Task to complete: Filter the entries for the word "Zarnakvel". Copy each line that has it.

Collected data
- - - - -

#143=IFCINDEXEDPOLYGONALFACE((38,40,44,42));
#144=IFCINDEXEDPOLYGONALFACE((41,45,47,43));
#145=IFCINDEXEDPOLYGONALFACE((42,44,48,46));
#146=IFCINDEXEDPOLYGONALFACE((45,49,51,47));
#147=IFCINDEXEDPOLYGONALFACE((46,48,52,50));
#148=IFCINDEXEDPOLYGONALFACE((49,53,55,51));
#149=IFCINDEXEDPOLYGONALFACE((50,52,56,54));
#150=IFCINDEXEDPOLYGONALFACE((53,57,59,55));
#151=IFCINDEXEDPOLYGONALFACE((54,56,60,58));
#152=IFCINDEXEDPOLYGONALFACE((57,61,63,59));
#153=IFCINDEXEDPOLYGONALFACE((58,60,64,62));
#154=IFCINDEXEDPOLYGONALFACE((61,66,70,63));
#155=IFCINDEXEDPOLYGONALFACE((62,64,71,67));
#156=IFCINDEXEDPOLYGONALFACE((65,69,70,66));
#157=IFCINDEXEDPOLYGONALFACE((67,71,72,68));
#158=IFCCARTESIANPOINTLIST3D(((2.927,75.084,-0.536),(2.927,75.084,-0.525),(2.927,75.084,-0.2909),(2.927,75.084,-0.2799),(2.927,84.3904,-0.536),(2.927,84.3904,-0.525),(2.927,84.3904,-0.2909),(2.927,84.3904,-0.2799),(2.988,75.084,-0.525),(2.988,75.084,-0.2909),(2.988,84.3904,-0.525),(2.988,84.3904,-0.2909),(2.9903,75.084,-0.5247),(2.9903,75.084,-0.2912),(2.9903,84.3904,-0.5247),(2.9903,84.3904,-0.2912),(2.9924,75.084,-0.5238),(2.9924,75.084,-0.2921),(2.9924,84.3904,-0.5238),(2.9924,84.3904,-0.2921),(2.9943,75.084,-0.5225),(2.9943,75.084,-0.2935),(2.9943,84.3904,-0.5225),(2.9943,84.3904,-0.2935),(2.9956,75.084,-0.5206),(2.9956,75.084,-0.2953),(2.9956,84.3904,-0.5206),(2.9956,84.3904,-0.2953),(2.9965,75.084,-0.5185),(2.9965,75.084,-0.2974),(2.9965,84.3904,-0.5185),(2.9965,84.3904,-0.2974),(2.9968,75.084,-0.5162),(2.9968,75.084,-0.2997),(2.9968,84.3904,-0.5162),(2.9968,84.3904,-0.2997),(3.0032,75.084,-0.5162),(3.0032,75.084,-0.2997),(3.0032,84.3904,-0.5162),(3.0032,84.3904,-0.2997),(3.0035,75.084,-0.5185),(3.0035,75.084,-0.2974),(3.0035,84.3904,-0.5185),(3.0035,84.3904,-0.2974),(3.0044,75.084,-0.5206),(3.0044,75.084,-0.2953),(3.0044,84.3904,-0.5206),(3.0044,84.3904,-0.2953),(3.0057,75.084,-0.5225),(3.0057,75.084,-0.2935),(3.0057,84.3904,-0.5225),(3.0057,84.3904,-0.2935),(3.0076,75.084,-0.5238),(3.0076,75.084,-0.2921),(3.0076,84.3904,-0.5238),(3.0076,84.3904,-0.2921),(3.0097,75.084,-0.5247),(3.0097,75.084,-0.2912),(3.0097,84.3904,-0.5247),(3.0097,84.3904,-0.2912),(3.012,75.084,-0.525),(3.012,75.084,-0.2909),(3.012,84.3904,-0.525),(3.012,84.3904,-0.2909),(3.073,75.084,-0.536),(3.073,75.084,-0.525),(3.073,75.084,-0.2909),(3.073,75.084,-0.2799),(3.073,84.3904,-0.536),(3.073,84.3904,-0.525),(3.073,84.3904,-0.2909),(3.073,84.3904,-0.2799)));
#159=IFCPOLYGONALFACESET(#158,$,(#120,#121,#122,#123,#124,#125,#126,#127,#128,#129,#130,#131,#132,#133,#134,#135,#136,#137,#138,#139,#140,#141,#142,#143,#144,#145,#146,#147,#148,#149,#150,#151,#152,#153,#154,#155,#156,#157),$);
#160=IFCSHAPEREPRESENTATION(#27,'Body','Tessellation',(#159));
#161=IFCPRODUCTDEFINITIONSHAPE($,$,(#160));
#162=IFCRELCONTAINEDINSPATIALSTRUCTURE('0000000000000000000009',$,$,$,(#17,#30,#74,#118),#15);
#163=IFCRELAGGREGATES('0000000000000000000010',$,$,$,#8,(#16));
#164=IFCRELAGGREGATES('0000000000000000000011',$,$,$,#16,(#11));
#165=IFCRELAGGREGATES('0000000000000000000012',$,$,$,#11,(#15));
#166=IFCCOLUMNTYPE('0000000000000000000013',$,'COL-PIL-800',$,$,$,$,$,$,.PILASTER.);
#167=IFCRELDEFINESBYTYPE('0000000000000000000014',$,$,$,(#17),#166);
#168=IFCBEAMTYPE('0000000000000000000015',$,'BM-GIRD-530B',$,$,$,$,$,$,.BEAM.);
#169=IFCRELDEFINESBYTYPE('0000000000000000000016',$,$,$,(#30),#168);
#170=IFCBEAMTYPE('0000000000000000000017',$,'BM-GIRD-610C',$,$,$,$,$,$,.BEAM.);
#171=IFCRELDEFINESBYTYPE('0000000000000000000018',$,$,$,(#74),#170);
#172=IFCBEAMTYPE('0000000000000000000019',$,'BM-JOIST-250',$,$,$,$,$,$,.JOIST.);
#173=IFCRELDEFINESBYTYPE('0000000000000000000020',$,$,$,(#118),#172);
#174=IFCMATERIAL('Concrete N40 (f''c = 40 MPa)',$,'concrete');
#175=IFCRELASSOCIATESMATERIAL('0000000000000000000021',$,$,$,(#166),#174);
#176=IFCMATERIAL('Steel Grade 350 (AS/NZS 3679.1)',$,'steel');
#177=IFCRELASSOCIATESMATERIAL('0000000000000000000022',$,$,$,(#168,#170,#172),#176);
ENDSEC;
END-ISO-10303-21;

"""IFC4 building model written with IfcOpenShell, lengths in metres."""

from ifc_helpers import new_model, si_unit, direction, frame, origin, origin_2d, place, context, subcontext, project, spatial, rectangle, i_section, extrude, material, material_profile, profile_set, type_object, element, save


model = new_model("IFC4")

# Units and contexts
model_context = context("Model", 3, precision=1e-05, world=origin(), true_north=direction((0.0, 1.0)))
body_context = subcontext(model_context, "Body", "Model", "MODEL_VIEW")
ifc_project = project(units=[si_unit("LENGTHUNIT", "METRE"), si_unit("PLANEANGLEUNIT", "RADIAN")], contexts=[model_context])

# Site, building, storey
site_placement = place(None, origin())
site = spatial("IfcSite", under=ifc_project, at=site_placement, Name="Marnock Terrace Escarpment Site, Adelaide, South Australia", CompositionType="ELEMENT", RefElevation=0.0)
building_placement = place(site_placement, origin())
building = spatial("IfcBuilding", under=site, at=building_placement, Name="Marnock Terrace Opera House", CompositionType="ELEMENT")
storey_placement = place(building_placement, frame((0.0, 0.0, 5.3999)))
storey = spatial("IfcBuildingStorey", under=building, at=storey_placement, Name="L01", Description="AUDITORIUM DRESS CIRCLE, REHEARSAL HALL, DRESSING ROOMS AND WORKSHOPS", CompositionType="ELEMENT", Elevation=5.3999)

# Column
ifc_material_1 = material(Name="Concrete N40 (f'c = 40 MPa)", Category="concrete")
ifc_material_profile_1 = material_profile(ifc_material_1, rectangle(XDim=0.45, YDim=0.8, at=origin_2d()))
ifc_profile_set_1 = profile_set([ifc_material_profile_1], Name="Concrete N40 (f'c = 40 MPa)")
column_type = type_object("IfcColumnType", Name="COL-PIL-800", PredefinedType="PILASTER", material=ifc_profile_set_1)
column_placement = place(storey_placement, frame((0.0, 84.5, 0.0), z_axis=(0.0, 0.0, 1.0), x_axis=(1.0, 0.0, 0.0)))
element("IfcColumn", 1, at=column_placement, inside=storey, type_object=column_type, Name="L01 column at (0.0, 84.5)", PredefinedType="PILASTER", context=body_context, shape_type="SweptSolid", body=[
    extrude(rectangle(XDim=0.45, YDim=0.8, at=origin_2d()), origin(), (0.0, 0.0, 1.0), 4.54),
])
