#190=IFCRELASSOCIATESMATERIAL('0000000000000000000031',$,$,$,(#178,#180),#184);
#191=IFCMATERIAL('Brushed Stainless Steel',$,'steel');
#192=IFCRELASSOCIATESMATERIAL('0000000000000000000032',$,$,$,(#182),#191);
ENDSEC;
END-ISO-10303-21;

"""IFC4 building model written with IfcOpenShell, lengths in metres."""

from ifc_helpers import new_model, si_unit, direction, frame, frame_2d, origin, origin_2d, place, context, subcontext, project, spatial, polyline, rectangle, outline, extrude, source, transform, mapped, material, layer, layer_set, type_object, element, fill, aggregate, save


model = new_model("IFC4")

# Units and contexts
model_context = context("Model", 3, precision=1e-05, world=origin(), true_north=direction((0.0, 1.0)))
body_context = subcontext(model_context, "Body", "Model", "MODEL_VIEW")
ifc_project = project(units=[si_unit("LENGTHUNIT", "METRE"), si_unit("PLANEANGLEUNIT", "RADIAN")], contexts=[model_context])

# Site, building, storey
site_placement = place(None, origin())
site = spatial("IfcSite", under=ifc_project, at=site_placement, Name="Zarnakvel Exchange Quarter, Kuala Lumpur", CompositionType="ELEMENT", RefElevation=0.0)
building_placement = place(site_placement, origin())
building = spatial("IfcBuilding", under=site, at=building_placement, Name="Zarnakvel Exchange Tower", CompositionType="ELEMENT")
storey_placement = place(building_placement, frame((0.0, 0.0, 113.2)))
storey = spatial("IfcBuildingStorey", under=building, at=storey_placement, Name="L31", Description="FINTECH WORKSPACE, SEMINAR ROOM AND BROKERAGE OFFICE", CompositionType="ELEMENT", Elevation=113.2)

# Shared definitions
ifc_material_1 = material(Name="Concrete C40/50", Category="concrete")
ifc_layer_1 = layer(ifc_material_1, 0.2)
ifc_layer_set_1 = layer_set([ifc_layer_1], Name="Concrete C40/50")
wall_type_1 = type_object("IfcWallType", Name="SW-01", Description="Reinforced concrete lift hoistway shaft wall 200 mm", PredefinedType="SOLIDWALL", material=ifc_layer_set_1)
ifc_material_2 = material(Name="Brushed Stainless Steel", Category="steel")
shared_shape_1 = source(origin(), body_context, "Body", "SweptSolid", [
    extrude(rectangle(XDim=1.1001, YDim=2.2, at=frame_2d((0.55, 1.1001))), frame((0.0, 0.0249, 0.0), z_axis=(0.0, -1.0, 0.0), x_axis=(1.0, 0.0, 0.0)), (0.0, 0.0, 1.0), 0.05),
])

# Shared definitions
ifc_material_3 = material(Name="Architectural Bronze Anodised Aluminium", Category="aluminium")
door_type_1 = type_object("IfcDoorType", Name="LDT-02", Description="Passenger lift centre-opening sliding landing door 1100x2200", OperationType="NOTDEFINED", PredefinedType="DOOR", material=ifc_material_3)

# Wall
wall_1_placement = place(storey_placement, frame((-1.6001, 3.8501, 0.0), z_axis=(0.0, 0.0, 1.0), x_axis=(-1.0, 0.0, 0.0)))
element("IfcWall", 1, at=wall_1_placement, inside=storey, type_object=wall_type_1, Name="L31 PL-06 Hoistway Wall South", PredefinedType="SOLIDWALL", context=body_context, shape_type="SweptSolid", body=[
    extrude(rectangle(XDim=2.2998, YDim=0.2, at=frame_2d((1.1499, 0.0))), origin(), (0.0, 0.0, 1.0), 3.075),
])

- - - - -

Solution:
site = spatial("IfcSite", under=ifc_project, at=site_placement, Name="Zarnakvel Exchange Quarter, Kuala Lumpur", CompositionType="ELEMENT", RefElevation=0.0)
building = spatial("IfcBuilding", under=site, at=building_placement, Name="Zarnakvel Exchange Tower", CompositionType="ELEMENT")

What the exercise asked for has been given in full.